Stored data entries
—————

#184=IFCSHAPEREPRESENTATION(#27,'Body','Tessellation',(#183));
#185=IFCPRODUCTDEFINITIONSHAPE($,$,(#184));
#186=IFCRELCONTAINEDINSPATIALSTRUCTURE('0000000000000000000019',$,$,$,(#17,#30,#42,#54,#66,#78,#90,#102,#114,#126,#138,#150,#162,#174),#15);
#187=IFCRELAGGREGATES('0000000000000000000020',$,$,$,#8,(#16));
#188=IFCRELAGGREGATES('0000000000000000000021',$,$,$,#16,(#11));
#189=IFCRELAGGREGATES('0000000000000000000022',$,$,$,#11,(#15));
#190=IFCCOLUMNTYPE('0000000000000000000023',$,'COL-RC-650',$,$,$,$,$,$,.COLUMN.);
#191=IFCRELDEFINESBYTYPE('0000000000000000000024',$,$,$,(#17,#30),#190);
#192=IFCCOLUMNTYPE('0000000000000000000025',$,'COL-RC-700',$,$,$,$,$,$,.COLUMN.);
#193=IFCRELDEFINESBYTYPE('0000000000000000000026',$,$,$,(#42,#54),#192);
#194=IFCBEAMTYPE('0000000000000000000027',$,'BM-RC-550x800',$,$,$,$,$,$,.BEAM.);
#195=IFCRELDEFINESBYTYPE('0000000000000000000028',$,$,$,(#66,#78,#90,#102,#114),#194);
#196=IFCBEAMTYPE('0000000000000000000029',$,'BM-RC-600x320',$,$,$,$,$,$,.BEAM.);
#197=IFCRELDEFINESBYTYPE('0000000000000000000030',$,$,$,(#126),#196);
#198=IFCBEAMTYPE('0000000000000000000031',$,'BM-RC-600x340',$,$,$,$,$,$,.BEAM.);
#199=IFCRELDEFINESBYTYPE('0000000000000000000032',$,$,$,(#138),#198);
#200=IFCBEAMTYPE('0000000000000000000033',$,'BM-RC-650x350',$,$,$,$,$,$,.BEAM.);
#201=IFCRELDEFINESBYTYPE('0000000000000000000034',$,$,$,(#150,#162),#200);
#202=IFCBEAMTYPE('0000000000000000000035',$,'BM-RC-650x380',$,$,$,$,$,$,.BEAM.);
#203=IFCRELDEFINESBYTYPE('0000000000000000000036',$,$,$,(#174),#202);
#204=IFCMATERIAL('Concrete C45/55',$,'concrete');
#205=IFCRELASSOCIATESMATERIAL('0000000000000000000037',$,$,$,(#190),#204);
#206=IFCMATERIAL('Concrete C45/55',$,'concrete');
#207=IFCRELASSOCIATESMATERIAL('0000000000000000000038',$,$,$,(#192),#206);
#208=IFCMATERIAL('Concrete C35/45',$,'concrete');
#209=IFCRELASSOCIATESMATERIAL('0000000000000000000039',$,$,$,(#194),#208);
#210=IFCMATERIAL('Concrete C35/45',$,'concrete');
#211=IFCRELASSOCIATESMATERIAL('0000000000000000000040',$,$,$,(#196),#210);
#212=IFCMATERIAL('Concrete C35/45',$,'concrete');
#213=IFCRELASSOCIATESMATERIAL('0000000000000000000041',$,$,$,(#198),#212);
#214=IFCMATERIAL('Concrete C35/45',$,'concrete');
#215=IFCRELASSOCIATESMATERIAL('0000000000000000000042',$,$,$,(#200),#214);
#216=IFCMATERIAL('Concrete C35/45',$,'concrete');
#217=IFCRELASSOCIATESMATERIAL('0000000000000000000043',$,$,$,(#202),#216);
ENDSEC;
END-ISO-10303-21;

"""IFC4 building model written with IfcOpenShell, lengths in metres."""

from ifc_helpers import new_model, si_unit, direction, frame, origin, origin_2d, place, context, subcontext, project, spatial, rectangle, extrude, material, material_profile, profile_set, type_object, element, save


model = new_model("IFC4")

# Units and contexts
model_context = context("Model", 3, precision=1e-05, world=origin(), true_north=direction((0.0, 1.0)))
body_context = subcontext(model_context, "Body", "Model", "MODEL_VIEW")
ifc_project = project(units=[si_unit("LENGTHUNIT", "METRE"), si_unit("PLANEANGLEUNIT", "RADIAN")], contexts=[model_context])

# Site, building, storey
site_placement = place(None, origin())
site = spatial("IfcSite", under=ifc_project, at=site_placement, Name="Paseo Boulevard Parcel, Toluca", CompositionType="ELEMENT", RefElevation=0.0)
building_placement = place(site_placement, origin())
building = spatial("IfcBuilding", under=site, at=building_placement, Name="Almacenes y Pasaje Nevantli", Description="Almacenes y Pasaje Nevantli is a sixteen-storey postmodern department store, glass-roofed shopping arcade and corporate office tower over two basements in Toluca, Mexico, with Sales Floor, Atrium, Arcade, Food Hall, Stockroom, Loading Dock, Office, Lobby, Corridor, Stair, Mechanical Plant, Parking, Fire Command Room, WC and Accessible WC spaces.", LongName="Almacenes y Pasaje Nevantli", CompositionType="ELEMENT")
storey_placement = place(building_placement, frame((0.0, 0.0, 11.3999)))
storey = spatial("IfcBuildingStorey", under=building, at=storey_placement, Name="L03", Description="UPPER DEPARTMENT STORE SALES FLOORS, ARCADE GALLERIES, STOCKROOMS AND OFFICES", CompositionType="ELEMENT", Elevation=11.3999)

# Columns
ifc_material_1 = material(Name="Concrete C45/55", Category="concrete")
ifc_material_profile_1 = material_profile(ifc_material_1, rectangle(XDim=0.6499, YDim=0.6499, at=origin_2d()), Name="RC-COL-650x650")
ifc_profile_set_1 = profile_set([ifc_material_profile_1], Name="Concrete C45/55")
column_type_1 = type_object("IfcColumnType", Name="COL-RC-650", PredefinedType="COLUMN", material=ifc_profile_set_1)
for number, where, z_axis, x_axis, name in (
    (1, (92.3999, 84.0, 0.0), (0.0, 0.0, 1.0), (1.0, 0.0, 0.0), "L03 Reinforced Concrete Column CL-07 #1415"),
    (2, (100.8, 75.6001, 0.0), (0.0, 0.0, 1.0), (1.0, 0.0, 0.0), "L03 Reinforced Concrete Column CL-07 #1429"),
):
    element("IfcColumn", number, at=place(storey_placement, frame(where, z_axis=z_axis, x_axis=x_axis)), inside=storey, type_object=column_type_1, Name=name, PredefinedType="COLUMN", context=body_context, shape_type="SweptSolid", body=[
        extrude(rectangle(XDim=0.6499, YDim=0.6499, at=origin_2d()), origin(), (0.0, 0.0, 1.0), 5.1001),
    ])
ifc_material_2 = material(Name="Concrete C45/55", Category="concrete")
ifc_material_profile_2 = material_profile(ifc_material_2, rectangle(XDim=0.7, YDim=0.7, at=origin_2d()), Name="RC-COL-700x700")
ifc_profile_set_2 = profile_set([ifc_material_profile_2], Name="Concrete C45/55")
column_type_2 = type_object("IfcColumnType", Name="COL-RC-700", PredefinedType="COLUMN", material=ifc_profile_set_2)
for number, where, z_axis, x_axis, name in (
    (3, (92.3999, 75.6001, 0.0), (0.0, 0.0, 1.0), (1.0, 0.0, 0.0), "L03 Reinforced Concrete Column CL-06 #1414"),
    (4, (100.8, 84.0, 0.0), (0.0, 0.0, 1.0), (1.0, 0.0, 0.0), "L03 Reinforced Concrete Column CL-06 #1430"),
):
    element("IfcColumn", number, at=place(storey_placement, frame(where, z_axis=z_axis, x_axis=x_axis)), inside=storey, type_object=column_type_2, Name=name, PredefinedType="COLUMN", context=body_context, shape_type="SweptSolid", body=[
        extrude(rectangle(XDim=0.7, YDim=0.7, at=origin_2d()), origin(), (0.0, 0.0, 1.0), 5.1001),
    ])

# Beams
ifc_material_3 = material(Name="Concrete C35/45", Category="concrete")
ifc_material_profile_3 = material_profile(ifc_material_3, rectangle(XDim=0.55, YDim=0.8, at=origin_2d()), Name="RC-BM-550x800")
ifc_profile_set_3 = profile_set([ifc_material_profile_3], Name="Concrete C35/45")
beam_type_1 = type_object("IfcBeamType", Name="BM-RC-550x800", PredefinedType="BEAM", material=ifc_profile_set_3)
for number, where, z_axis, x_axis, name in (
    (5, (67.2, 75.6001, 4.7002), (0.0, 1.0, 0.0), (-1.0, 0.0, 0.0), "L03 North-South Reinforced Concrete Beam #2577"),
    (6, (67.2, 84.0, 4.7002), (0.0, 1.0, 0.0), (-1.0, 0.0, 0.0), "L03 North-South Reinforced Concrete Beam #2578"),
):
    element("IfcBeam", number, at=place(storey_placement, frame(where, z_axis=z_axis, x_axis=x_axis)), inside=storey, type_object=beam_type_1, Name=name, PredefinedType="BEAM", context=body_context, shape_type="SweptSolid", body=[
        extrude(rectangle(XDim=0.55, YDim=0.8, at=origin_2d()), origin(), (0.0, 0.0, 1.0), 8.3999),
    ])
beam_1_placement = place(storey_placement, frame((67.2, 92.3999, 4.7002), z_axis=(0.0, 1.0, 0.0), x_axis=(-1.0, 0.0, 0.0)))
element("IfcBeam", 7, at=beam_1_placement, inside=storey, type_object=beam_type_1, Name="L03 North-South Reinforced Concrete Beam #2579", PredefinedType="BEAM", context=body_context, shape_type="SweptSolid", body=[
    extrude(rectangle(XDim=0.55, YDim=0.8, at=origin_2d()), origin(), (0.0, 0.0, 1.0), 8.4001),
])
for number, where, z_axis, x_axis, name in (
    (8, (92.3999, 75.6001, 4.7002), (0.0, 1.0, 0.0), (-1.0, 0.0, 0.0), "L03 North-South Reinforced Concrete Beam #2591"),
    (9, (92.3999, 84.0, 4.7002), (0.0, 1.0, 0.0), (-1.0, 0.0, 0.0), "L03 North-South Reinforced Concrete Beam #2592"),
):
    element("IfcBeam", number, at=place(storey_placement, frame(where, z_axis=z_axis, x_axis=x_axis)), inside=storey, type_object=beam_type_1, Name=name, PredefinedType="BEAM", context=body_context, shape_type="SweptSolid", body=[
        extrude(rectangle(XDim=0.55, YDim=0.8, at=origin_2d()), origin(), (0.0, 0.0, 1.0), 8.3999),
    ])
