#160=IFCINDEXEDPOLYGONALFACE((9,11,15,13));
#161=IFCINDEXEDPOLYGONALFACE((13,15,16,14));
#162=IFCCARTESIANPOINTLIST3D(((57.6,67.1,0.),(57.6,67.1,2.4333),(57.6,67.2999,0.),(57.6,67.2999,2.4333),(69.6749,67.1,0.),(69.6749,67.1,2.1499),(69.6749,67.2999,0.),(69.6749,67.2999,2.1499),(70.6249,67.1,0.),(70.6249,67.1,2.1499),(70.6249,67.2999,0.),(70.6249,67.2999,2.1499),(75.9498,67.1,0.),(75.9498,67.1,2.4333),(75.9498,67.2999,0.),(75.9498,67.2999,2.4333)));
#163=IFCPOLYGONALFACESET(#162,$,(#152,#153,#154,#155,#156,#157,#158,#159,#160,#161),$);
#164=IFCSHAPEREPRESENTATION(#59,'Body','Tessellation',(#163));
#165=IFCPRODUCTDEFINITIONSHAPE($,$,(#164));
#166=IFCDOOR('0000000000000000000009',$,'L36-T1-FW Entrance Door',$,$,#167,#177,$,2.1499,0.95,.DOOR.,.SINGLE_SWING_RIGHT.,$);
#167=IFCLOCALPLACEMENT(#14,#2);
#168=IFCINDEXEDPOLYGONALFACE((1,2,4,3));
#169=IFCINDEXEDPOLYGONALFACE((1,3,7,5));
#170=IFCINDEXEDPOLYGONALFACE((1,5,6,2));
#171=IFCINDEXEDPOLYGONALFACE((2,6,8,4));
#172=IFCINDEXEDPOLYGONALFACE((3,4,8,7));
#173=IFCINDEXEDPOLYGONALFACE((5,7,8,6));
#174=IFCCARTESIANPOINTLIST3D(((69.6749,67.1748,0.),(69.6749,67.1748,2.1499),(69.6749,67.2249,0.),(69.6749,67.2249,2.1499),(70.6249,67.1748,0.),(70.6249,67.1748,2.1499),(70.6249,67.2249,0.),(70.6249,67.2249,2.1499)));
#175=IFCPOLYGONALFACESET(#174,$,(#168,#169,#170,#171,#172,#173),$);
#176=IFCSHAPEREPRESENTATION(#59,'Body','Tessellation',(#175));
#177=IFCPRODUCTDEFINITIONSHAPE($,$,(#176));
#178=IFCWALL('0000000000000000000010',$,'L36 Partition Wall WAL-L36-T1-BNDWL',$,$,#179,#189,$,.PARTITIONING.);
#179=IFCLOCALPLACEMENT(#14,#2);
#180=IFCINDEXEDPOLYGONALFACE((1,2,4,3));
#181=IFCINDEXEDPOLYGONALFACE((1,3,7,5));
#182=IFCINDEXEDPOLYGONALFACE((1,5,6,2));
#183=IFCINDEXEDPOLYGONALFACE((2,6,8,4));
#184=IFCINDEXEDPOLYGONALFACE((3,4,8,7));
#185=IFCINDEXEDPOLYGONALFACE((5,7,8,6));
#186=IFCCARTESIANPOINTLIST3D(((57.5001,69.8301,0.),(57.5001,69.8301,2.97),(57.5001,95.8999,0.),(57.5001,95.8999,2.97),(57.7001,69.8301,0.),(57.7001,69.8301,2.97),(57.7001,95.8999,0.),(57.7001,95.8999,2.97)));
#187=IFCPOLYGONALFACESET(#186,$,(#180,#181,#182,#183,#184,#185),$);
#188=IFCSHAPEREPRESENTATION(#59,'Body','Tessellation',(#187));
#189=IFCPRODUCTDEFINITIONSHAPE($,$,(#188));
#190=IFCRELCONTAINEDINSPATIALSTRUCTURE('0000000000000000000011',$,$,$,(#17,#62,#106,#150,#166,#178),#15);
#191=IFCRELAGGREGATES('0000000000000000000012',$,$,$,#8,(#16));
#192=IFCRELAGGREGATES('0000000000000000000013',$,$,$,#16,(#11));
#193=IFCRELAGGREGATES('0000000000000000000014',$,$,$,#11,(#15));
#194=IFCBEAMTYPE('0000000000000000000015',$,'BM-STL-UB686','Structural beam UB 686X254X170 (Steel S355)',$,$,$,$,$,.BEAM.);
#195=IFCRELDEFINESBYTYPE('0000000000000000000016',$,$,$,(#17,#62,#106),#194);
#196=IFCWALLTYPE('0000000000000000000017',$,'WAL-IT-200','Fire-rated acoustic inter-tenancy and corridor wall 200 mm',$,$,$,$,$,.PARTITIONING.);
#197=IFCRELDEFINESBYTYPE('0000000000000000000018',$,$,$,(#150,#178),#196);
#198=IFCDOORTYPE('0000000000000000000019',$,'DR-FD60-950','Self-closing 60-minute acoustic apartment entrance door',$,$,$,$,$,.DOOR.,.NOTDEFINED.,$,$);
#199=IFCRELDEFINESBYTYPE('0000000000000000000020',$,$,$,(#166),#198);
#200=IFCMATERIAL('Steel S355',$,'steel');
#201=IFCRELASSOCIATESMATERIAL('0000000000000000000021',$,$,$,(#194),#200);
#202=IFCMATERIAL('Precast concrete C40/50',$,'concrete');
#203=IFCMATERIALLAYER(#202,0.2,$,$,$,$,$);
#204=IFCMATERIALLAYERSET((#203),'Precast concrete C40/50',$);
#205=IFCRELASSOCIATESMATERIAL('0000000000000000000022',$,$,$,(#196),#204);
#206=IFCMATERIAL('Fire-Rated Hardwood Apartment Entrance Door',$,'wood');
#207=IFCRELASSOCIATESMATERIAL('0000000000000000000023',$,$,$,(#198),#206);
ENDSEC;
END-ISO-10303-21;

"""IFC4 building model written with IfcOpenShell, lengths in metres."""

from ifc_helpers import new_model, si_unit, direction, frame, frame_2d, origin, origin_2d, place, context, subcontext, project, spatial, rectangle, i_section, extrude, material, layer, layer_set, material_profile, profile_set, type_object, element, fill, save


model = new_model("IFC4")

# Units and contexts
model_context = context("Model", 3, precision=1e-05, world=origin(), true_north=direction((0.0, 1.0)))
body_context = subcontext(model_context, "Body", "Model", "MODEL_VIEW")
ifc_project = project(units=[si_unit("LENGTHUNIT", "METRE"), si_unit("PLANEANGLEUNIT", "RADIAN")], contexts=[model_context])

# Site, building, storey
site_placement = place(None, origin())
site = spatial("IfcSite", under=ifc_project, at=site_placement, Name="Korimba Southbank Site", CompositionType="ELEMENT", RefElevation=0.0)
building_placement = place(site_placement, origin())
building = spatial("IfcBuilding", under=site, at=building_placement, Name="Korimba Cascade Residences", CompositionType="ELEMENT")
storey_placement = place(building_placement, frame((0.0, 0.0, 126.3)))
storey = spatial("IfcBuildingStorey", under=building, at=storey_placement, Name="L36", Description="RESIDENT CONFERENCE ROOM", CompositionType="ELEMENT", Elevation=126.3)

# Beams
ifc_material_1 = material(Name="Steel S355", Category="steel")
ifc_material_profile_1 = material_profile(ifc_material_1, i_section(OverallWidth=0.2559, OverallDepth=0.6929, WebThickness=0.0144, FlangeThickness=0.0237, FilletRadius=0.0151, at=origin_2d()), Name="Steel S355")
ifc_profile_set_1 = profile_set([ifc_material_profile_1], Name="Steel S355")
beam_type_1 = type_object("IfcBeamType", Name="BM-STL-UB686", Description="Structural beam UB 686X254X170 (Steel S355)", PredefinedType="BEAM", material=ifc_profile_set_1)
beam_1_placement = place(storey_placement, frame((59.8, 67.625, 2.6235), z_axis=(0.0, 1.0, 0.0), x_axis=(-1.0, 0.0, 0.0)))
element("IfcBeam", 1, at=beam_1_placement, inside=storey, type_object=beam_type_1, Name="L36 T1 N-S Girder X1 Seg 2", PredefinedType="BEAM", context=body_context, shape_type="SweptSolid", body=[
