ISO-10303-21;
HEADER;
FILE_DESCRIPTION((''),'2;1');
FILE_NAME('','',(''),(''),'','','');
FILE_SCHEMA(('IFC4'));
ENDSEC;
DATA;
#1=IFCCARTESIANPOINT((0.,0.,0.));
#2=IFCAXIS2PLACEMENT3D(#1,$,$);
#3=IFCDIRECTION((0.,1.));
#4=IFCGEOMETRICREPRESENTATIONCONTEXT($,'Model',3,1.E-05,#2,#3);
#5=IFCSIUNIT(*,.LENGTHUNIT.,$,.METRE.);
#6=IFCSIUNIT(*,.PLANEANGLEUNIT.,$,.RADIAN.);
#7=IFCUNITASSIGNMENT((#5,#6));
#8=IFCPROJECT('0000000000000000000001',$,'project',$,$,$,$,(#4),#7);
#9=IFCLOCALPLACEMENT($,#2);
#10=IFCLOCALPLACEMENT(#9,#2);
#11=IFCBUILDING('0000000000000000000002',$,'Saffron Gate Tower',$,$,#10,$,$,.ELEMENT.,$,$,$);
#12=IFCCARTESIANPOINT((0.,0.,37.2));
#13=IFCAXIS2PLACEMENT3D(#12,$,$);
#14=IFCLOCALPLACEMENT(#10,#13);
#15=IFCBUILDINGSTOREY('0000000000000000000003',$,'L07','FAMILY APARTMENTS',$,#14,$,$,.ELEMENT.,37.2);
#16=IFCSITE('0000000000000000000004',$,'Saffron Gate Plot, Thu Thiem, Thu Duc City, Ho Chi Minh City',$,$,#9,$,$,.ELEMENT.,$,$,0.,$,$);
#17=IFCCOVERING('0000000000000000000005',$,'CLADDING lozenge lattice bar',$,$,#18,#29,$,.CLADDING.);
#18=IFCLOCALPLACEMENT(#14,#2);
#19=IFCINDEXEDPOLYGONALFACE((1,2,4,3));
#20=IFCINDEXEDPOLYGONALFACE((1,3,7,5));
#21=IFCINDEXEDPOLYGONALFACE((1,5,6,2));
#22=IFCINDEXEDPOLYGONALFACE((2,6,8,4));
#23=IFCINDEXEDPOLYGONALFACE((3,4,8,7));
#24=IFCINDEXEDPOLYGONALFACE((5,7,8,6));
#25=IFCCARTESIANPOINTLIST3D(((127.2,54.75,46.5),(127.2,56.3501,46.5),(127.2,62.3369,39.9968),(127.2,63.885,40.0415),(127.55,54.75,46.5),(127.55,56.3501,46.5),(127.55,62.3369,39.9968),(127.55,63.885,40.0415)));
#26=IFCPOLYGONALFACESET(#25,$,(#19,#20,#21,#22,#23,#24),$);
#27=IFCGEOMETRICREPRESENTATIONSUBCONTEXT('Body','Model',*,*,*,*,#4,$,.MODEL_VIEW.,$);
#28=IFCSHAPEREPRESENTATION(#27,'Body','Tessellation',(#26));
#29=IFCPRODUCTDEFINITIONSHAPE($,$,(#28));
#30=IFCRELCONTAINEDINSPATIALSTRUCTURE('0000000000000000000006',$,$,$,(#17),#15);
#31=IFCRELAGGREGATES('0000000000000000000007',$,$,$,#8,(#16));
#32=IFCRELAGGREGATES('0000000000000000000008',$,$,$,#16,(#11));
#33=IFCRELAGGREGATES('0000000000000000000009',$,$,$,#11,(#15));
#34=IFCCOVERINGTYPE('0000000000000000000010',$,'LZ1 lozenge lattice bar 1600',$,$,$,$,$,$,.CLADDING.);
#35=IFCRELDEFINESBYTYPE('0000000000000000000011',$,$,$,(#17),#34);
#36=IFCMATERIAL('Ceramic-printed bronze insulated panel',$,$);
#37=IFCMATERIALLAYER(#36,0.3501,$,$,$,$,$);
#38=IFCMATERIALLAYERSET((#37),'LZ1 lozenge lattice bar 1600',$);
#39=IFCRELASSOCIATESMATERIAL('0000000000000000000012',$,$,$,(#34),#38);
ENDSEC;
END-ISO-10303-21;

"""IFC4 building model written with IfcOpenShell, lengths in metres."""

from ifc_helpers import new_model, si_unit, direction, frame, origin, place, context, subcontext, project, spatial, polyline, outline, extrude, material, layer, layer_set, type_object, element, save


model = new_model("IFC4")

# Units and contexts
model_context = context("Model", 3, precision=1e-05, world=origin(), true_north=direction((0.0, 1.0)))
body_context = subcontext(model_context, "Body", "Model", "MODEL_VIEW")
ifc_project = project(units=[si_unit("LENGTHUNIT", "METRE"), si_unit("PLANEANGLEUNIT", "RADIAN")], contexts=[model_context])

# Site, building, storey
site_placement = place(None, origin())
site = spatial("IfcSite", under=ifc_project, at=site_placement, Name="Saffron Gate Plot, Thu Thiem, Thu Duc City, Ho Chi Minh City", CompositionType="ELEMENT", RefElevation=0.0)
building_placement = place(site_placement, origin())
building = spatial("IfcBuilding", under=site, at=building_placement, Name="Saffron Gate Tower", CompositionType="ELEMENT")
storey_placement = place(building_placement, frame((0.0, 0.0, 37.2)))
storey = spatial("IfcBuildingStorey", under=building, at=storey_placement, Name="L07", Description="FAMILY APARTMENTS", CompositionType="ELEMENT", Elevation=37.2)

# Covering
ifc_material_1 = material(Name="Ceramic-printed bronze insulated panel")
ifc_layer_1 = layer(ifc_material_1, 0.3501)
ifc_layer_set_1 = layer_set([ifc_layer_1], Name="LZ1 lozenge lattice bar 1600")
covering_type_1 = type_object("IfcCoveringType", Name="LZ1 lozenge lattice bar 1600", PredefinedType="CLADDING", material=ifc_layer_set_1)
covering_1_placement = place(storey_placement, frame((127.55, 62.3369, 39.9968), z_axis=(1.0, 0.0, 0.0), x_axis=(0.0, 0.999584, 0.028848)))
element("IfcCovering", 1, at=covering_1_placement, inside=storey, type_object=covering_type_1, Name="CLADDING lozenge lattice bar", PredefinedType="CLADDING", context=body_context, shape_type="SweptSolid", body=[
    extrude(outline(polyline([(0.0, 0.0), (1.5487, 0.0), (-5.7967, 6.6732), (-7.3962, 6.7193), (0.0, 0.0)])), origin(), (0.0, 0.0, -1.0), 0.3501),
])

save(model, "model.ifc")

—————

*What you will do:*
Checking each line above, count the ones that hold the word "IFCRELASSOCIATESMATERIAL" and state the total alone.

*Result:*
11